▶ _What is being asked_: Of the lines below, count those containing the word "subcontext". Reply with the number alone.

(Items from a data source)
────────

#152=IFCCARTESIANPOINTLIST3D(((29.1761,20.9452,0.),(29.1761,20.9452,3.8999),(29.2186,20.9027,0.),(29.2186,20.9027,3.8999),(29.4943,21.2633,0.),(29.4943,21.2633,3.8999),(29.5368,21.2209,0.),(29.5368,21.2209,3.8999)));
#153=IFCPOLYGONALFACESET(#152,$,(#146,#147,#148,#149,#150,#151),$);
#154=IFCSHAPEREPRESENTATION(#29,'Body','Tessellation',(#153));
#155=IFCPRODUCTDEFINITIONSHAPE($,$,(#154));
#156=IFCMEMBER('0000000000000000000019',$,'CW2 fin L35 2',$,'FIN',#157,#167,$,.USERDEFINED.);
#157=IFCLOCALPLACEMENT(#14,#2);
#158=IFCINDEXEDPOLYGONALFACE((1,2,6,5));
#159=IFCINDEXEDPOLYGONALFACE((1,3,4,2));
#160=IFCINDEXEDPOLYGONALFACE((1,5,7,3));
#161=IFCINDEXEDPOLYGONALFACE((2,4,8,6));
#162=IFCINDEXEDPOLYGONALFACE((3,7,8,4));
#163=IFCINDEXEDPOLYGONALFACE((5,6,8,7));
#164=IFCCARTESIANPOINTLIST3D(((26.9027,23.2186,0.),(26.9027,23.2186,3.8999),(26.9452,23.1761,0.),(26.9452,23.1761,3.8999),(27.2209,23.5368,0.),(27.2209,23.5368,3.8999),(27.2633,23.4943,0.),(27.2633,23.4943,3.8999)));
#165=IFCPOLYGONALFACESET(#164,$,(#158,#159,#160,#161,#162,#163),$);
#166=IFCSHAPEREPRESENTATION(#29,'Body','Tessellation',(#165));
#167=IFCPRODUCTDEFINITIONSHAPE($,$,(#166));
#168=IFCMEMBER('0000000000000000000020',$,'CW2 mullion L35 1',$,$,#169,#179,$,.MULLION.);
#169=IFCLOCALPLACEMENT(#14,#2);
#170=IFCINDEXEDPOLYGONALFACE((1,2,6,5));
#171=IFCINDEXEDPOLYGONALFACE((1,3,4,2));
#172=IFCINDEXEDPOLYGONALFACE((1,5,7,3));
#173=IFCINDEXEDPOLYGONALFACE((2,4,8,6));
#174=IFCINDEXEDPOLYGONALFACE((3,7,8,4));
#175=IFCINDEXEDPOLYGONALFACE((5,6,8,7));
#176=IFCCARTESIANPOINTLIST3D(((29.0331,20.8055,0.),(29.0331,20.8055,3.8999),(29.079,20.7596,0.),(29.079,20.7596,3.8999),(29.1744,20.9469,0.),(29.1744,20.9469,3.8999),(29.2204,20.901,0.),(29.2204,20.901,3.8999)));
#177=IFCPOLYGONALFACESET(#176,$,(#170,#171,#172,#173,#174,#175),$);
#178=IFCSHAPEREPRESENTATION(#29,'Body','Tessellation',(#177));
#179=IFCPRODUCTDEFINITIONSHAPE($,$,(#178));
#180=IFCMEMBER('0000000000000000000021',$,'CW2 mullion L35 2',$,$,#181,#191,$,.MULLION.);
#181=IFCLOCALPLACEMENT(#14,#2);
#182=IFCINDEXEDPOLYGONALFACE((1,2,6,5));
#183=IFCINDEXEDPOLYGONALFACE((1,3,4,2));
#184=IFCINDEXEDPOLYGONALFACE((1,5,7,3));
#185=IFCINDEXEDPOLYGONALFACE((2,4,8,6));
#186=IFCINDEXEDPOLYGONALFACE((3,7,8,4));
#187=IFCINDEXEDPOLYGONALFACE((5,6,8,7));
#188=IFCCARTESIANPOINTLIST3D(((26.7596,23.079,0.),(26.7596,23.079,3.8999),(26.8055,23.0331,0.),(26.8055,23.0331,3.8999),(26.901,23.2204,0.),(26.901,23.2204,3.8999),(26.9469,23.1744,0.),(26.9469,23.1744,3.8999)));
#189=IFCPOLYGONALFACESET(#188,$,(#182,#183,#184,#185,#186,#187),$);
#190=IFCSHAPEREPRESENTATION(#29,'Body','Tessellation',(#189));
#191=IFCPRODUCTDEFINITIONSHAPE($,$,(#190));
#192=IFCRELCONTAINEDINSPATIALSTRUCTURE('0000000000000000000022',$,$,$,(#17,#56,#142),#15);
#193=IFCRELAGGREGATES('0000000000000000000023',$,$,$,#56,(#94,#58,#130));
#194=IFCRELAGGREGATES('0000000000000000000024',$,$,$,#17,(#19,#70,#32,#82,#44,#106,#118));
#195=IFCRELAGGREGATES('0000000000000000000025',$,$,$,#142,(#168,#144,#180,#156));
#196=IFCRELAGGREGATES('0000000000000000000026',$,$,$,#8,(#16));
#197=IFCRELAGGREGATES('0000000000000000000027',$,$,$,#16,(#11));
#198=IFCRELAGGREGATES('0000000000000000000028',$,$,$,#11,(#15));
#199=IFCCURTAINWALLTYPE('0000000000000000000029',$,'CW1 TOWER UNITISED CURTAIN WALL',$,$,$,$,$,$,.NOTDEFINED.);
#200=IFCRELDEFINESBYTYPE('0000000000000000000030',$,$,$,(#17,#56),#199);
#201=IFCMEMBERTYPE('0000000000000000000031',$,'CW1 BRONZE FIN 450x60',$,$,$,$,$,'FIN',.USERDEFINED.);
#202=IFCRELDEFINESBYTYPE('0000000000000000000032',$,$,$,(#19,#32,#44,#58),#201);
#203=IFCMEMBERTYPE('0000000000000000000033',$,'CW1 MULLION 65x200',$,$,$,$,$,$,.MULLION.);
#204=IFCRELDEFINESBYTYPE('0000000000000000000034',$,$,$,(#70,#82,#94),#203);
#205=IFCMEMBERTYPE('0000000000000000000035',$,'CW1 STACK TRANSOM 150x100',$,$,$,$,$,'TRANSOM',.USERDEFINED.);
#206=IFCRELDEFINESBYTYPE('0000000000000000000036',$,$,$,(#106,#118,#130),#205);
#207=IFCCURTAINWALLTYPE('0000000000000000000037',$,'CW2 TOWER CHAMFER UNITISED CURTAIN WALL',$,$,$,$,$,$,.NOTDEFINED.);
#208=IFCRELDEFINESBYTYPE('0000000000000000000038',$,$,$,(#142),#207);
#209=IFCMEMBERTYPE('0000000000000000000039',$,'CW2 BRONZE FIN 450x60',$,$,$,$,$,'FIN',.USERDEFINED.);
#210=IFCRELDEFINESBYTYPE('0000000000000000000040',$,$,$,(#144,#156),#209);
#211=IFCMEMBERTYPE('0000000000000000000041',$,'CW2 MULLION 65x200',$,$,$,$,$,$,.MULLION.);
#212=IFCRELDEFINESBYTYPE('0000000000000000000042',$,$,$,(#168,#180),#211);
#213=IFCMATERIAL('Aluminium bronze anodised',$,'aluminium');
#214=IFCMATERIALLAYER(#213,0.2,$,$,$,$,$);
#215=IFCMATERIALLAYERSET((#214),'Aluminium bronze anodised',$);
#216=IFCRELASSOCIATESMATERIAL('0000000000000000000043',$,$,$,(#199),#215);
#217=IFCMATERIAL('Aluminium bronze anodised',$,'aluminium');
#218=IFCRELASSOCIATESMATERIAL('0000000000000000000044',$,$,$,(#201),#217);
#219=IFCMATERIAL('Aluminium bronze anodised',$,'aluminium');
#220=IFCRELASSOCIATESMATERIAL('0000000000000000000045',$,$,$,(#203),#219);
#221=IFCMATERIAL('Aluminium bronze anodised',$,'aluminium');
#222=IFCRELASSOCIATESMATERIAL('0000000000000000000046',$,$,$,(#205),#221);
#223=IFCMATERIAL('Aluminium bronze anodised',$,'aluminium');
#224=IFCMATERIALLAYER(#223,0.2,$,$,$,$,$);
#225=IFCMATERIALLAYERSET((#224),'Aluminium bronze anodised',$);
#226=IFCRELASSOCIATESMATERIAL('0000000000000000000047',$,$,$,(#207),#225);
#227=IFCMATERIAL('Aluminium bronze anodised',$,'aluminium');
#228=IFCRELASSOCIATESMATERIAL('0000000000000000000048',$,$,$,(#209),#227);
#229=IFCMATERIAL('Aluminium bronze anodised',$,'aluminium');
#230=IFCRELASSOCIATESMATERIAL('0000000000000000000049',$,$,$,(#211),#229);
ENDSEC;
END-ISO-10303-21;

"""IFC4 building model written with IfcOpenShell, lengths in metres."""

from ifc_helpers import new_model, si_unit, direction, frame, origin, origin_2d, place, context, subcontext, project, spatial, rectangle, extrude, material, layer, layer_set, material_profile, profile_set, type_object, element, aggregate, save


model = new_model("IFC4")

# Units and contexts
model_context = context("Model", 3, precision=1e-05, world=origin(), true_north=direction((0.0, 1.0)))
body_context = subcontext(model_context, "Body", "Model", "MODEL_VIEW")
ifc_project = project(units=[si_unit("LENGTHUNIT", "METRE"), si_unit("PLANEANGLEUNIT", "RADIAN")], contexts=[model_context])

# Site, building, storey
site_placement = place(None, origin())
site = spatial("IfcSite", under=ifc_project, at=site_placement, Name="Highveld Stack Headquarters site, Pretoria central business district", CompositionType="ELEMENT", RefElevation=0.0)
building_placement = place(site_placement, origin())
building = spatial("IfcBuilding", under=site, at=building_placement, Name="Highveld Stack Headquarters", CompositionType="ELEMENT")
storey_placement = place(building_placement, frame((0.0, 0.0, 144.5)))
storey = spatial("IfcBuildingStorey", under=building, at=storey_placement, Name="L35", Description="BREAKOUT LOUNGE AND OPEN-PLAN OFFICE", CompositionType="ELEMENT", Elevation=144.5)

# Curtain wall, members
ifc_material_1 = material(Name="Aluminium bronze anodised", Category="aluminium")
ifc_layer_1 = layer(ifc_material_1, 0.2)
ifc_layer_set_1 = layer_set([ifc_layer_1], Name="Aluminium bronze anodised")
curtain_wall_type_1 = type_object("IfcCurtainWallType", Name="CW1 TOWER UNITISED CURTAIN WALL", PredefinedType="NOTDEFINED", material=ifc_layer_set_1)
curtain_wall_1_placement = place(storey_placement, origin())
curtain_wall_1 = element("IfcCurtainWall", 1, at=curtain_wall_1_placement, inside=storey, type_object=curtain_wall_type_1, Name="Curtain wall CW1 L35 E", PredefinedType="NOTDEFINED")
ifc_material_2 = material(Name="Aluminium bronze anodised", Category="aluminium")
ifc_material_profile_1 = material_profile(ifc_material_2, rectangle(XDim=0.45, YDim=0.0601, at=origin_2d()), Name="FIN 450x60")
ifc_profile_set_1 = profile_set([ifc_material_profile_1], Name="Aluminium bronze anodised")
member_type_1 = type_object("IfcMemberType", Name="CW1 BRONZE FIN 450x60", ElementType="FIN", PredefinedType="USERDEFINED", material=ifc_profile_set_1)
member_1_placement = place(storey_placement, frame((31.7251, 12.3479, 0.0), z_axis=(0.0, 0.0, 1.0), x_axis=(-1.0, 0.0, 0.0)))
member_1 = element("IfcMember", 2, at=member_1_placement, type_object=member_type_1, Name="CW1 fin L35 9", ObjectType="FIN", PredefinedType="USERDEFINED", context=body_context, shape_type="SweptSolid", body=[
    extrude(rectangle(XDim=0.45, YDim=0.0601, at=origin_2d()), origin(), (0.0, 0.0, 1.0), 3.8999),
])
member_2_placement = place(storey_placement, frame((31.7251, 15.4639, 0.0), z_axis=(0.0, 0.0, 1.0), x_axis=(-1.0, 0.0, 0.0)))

────────

▶ _Solution to the problem_: 2